**Dataset entries**
--

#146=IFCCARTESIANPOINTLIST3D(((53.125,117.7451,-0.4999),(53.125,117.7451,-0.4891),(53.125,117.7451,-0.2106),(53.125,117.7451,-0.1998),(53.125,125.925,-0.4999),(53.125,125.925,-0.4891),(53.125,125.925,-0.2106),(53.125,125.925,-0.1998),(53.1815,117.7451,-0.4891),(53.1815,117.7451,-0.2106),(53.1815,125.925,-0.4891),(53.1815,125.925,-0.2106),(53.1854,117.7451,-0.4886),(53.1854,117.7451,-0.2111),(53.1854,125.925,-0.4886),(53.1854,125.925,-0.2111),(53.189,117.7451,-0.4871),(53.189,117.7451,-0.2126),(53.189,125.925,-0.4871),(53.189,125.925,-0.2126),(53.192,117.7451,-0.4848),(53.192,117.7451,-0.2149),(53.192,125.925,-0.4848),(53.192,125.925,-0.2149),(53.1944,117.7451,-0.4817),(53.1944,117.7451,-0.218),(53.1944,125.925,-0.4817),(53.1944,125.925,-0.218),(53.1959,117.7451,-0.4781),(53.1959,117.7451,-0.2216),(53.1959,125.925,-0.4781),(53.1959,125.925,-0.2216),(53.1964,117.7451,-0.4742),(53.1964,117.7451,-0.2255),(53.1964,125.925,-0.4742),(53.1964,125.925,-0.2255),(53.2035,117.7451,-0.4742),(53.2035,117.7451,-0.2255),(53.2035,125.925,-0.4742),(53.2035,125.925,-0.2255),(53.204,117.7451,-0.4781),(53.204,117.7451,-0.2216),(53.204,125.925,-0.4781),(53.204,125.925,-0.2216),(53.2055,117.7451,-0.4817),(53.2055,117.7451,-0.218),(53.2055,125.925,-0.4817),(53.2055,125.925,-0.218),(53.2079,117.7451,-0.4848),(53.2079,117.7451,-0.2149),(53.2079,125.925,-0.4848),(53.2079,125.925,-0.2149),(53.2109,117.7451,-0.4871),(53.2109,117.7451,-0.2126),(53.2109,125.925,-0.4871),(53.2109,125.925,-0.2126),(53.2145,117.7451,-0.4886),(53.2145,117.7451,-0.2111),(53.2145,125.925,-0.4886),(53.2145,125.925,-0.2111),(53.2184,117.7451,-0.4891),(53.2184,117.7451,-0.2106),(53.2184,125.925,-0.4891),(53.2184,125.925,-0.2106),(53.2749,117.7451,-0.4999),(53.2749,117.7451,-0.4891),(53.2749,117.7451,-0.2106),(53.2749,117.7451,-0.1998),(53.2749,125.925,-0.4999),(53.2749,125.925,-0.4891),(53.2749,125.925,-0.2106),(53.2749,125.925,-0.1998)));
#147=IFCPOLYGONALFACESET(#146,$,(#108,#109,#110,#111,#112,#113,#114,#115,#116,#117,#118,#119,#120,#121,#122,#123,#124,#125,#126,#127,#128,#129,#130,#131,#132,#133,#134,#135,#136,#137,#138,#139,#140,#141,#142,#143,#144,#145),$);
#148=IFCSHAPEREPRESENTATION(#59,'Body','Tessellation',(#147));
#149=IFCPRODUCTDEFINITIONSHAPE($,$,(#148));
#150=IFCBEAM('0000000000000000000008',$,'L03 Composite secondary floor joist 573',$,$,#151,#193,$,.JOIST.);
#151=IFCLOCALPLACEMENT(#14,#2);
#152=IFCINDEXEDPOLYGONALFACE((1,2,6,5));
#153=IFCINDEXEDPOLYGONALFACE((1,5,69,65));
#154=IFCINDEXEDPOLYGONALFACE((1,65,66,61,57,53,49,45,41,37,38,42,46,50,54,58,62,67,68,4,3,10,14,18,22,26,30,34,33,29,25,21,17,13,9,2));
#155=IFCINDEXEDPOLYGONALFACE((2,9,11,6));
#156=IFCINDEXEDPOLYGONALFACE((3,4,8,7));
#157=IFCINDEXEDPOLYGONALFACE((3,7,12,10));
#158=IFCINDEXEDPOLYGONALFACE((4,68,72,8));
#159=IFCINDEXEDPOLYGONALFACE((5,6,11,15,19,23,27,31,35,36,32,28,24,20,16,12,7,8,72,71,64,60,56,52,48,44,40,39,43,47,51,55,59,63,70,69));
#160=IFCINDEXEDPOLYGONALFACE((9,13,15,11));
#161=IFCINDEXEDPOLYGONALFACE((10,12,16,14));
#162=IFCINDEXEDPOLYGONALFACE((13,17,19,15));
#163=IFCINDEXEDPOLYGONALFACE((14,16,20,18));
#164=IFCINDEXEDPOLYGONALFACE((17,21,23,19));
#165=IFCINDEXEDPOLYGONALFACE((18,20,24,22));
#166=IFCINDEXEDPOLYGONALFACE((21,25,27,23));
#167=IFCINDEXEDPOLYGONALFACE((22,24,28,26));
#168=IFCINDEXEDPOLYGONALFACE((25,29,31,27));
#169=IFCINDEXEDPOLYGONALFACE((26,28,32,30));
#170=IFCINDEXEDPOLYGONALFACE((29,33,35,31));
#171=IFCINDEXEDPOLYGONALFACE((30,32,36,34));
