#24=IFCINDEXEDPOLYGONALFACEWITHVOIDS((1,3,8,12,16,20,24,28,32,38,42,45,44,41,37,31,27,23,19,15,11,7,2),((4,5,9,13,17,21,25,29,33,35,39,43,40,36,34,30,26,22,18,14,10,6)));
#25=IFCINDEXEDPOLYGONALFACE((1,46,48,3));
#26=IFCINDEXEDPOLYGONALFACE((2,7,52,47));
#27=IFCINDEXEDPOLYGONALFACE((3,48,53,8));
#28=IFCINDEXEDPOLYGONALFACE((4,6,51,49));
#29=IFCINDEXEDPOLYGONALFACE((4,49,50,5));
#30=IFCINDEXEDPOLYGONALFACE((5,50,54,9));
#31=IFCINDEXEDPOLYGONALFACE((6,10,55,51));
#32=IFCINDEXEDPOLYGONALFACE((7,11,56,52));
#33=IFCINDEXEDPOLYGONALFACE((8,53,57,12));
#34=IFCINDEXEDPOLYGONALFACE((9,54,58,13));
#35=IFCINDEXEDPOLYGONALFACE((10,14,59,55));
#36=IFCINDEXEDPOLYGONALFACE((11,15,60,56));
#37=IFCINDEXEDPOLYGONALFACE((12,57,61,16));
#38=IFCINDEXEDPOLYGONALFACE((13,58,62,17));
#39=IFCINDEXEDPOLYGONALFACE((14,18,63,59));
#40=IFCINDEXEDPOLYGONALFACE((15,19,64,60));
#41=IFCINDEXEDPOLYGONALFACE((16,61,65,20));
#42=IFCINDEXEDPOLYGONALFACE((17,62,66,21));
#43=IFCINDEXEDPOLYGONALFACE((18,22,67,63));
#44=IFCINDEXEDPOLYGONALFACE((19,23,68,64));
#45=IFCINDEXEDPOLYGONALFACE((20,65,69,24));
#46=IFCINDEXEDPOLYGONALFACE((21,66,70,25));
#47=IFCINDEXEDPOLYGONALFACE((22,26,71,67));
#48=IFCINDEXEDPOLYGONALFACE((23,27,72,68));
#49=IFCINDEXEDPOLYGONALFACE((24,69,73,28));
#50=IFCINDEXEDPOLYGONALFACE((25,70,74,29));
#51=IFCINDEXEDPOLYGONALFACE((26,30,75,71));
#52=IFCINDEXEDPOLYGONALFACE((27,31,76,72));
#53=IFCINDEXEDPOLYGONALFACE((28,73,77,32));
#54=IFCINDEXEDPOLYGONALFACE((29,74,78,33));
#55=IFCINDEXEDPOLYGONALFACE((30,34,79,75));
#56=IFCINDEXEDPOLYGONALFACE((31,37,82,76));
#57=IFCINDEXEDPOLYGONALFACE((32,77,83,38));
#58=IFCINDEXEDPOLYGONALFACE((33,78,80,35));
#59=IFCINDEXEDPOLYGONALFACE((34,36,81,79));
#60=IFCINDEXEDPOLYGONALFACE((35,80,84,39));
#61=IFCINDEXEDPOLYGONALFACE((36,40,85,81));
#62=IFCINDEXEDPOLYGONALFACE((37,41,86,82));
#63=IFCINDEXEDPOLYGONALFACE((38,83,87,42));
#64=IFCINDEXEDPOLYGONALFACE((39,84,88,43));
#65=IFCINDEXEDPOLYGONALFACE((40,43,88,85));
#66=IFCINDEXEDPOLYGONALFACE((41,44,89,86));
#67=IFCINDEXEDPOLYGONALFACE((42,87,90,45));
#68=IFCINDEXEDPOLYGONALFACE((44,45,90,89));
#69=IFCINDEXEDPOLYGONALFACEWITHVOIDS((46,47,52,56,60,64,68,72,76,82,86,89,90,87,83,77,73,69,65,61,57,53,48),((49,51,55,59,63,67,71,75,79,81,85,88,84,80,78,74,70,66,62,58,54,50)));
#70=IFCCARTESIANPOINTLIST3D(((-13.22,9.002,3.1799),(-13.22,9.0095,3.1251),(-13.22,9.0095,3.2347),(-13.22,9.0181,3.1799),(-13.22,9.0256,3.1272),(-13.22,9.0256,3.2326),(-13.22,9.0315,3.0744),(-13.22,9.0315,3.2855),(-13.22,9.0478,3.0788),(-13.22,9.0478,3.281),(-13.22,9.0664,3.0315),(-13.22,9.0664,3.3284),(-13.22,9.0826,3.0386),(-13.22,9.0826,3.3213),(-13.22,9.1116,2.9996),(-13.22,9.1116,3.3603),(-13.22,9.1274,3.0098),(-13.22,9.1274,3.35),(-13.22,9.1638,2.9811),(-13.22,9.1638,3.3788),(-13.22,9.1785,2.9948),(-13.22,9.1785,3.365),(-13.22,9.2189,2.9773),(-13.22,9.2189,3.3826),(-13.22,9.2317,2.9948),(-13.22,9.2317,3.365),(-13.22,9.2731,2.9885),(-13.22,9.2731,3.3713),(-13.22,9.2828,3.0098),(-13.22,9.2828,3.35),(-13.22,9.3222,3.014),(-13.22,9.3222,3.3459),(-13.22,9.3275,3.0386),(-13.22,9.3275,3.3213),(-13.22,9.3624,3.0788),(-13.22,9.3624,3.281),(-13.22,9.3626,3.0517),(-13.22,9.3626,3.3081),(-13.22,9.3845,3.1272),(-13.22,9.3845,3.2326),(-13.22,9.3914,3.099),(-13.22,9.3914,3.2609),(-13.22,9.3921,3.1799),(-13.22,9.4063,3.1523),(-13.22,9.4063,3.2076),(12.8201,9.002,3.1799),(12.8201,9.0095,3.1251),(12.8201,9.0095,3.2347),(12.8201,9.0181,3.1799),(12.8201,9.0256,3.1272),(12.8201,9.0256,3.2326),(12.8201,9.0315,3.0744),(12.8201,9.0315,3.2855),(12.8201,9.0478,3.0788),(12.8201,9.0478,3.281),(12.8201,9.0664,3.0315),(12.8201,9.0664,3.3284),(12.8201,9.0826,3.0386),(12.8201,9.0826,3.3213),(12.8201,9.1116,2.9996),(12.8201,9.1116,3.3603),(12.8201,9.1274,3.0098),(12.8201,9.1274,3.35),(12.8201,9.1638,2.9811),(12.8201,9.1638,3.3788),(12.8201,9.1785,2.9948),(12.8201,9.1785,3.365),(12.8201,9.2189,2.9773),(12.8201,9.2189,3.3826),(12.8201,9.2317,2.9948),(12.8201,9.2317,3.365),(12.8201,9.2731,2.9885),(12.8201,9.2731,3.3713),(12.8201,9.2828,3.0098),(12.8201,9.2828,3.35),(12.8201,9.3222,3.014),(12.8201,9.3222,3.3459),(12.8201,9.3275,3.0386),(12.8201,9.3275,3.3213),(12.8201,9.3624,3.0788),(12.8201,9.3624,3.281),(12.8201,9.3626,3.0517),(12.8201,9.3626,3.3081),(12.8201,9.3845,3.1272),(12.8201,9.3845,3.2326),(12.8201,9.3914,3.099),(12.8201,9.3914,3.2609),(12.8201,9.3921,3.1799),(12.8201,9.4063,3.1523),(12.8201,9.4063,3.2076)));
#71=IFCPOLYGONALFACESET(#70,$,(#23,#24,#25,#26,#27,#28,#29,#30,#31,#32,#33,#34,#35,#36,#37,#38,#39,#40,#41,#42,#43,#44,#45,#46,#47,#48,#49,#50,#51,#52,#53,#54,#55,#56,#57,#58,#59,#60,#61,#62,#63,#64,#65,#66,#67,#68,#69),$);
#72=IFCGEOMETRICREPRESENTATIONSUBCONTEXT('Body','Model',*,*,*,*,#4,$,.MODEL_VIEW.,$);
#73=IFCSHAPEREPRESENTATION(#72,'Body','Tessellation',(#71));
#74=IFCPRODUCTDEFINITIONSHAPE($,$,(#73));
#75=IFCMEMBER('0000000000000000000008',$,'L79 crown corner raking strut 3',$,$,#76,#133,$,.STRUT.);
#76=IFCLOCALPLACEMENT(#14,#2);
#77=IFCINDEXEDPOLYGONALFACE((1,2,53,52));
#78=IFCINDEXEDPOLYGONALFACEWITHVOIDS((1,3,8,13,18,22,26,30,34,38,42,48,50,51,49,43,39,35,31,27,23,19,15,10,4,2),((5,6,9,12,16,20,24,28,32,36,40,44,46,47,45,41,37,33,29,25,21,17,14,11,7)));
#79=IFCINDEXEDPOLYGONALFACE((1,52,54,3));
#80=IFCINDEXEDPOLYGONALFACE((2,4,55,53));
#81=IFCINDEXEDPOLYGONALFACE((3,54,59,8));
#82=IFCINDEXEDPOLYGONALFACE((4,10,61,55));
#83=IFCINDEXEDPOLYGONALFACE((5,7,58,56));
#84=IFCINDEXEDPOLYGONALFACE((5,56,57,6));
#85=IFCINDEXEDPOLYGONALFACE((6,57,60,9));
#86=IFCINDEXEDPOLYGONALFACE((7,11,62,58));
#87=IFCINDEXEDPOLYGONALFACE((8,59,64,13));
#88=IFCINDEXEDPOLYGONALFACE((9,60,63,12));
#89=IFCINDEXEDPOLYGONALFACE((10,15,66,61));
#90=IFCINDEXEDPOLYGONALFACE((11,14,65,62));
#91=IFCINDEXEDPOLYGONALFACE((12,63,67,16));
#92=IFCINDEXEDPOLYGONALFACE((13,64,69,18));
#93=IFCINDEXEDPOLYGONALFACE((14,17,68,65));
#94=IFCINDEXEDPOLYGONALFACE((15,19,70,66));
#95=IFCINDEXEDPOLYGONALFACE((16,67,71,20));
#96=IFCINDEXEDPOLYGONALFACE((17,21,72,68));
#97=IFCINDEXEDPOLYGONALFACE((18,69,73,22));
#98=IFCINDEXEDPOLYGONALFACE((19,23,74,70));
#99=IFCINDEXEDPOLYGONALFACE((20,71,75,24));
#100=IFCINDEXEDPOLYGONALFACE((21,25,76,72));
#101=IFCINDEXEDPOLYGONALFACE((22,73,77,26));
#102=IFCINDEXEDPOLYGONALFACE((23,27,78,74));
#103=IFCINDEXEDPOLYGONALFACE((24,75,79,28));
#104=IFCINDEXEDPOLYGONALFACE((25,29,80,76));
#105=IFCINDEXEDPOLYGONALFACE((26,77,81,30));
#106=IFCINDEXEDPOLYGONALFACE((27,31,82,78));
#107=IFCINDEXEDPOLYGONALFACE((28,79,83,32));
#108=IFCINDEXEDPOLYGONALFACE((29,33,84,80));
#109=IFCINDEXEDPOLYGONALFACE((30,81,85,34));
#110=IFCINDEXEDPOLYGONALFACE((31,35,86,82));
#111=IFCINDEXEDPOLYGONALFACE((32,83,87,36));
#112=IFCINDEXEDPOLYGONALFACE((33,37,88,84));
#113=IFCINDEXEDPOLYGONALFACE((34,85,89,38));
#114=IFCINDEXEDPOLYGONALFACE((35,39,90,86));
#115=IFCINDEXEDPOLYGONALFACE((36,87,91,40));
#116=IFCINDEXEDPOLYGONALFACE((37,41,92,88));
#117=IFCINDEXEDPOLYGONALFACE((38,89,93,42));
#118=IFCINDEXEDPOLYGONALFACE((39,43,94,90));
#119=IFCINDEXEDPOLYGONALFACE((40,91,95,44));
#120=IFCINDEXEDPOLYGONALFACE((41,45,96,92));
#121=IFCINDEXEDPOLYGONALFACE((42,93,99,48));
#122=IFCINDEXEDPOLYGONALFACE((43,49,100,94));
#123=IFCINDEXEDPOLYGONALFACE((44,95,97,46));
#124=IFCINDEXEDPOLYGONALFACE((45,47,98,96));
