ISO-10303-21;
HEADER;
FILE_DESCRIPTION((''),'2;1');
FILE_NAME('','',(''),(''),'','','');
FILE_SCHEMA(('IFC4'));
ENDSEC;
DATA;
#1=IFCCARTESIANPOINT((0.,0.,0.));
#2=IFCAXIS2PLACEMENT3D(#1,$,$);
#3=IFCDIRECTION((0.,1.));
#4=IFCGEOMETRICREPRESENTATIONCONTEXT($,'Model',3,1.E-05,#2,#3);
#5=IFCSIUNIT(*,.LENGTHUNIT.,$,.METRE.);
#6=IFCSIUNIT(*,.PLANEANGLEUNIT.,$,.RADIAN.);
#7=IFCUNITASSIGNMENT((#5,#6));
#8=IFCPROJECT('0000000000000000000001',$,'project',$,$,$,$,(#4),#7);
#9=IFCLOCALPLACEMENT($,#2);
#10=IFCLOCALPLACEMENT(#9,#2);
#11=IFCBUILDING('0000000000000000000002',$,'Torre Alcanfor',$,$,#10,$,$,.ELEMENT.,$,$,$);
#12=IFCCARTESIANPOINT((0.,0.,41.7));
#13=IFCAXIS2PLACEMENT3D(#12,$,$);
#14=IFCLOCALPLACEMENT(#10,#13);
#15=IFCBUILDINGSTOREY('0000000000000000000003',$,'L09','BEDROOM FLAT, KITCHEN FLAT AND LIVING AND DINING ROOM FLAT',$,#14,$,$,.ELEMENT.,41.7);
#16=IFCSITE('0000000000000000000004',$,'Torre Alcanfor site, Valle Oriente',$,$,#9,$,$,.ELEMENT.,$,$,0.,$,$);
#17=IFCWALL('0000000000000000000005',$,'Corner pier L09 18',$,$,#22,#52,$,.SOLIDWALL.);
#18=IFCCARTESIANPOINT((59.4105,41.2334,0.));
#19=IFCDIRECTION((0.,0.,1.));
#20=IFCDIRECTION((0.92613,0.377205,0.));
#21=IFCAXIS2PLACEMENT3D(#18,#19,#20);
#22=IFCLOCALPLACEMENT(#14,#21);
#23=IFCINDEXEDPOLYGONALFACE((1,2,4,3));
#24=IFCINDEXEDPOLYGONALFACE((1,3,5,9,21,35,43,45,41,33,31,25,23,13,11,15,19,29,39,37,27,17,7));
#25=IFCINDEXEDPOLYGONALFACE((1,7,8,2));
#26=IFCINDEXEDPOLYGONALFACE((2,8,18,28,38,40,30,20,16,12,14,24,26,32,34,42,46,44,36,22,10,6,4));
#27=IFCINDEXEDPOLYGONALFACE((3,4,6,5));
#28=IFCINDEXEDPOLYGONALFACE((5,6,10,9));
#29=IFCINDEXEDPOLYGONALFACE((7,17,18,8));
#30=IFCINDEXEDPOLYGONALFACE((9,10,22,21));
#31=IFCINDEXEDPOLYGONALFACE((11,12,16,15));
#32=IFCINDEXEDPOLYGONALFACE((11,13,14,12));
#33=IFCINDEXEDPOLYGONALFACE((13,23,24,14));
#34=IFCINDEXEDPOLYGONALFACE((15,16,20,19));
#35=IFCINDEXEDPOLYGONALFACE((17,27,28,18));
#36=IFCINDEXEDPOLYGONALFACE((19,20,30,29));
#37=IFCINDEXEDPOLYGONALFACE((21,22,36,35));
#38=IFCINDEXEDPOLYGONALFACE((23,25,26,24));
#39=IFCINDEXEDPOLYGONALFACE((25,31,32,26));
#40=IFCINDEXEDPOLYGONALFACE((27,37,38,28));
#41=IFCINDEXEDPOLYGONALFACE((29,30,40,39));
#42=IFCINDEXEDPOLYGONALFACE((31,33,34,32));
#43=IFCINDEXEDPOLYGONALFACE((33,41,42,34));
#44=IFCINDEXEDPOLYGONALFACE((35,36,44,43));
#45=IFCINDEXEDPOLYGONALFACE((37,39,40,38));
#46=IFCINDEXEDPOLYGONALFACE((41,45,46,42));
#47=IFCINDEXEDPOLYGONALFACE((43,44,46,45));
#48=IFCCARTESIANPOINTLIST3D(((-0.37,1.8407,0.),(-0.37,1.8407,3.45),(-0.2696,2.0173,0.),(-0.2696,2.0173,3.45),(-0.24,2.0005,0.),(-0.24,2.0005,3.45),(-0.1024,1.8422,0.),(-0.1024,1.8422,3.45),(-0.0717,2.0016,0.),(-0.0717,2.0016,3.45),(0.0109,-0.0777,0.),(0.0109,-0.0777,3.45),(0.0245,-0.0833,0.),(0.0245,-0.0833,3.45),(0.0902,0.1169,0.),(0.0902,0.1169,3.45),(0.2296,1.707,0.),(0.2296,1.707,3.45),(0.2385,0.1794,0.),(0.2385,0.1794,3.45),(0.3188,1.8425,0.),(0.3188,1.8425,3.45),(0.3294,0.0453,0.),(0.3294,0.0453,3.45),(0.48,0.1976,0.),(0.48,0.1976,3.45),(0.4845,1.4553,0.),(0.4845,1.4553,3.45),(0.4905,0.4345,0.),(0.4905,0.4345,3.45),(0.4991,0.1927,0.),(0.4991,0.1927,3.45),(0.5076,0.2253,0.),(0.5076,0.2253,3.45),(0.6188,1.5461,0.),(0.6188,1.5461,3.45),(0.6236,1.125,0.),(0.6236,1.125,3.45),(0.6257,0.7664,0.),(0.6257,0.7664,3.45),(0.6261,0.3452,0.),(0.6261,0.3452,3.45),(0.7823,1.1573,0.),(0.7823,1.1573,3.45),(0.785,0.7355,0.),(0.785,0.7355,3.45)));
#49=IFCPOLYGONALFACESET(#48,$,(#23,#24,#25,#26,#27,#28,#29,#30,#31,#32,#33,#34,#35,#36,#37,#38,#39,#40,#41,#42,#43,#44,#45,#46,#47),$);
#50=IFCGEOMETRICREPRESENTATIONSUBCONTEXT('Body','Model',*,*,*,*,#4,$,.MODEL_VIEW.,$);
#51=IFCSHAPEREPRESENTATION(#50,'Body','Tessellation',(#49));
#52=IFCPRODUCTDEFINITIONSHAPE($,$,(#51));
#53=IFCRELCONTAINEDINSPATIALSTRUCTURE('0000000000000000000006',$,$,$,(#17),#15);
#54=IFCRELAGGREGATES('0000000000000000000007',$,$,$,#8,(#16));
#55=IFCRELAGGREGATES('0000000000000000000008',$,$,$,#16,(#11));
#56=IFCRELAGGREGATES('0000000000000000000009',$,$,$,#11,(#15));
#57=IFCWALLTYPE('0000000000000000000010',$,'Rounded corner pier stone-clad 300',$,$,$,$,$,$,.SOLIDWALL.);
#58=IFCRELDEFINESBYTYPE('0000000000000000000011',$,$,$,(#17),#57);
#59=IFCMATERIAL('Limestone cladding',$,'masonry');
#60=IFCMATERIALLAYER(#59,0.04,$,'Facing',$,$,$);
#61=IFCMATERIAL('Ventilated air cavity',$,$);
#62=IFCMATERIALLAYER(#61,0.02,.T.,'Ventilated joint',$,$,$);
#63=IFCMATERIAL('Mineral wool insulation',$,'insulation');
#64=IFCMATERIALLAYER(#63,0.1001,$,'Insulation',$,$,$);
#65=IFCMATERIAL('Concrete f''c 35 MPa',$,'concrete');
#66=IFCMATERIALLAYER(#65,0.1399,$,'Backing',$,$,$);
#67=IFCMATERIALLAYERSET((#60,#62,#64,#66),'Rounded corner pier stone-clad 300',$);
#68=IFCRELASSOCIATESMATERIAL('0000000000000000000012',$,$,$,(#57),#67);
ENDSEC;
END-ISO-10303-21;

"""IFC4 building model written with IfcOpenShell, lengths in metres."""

from ifc_helpers import new_model, si_unit, direction, frame, origin, place, context, subcontext, project, spatial, polyline, outline, extrude, material, layer, layer_set, type_object, element, save


model = new_model("IFC4")

# Units and contexts
model_context = context("Model", 3, precision=1e-05, world=origin(), true_north=direction((0.0, 1.0)))
body_context = subcontext(model_context, "Body", "Model", "MODEL_VIEW")
ifc_project = project(units=[si_unit("LENGTHUNIT", "METRE"), si_unit("PLANEANGLEUNIT", "RADIAN")], contexts=[model_context])

# Site, building, storey
site_placement = place(None, origin())
site = spatial("IfcSite", under=ifc_project, at=site_placement, Name="Torre Alcanfor site, Valle Oriente", CompositionType="ELEMENT", RefElevation=0.0)
building_placement = place(site_placement, origin())
building = spatial("IfcBuilding", under=site, at=building_placement, Name="Torre Alcanfor", CompositionType="ELEMENT")
storey_placement = place(building_placement, frame((0.0, 0.0, 41.7)))
storey = spatial("IfcBuildingStorey", under=building, at=storey_placement, Name="L09", Description="BEDROOM FLAT, KITCHEN FLAT AND LIVING AND DINING ROOM FLAT", CompositionType="ELEMENT", Elevation=41.7)

# Wall
ifc_material_1 = material(Name="Limestone cladding", Category="masonry")
ifc_layer_1 = layer(ifc_material_1, 0.04, Name="Facing")
ifc_material_2 = material(Name="Ventilated air cavity")
ifc_layer_2 = layer(ifc_material_2, 0.02, ventilated=True, Name="Ventilated joint")
ifc_material_3 = material(Name="Mineral wool insulation", Category="insulation")
ifc_layer_3 = layer(ifc_material_3, 0.1001, Name="Insulation")
ifc_material_4 = material(Name="Concrete f'c 35 MPa", Category="concrete")
ifc_layer_4 = layer(ifc_material_4, 0.1399, Name="Backing")
ifc_layer_set_1 = layer_set([ifc_layer_1, ifc_layer_2, ifc_layer_3, ifc_layer_4], Name="Rounded corner pier stone-clad 300")
wall_type_1 = type_object("IfcWallType", Name="Rounded corner pier stone-clad 300", PredefinedType="SOLIDWALL", material=ifc_layer_set_1)
wall_1_placement = place(storey_placement, frame((59.4105, 41.2334, 0.0), z_axis=(0.0, 0.0, 1.0), x_axis=(0.92613, 0.377205, 0.0)))
element("IfcWall", 1, at=wall_1_placement, inside=storey, type_object=wall_type_1, Name="Corner pier L09 18", PredefinedType="SOLIDWALL", context=body_context, shape_type="SweptSolid", body=[
    extrude(outline(polyline([(0.6261, 0.3452), (0.785, 0.7355), (0.7823, 1.1573), (0.6188, 1.5461), (0.3188, 1.8425), (-0.0717, 2.0016), (-0.24, 2.0005), (-0.2696, 2.0173), (-0.37, 1.8407), (-0.1024, 1.8422), (0.2296, 1.707), (0.4845, 1.4553), (0.6236, 1.125), (0.6257, 0.7664), (0.4905, 0.4345), (0.2385, 0.1794), (0.0902, 0.1169), (0.0109, -0.0777), (0.0245, -0.0833), (0.3294, 0.0453), (0.48, 0.1976), (0.4991, 0.1927), (0.5076, 0.2253), (0.6261, 0.3452)])), origin(), (0.0, 0.0, 1.0), 3.45),
])

save(model, "model.ifc")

--

**The problem**
Where the string "IFCGEOMETRICREPRESENTATIONSUBCONTEXT" appears in a line of the entries above, return that line.

**Answer for the task**
#72=IFCGEOMETRICREPRESENTATIONSUBCONTEXT('Body','Model',*,*,*,*,#4,$,.MODEL_VIEW.,$);
#50=IFCGEOMETRICREPRESENTATIONSUBCONTEXT('Body','Model',*,*,*,*,#4,$,.MODEL_VIEW.,$);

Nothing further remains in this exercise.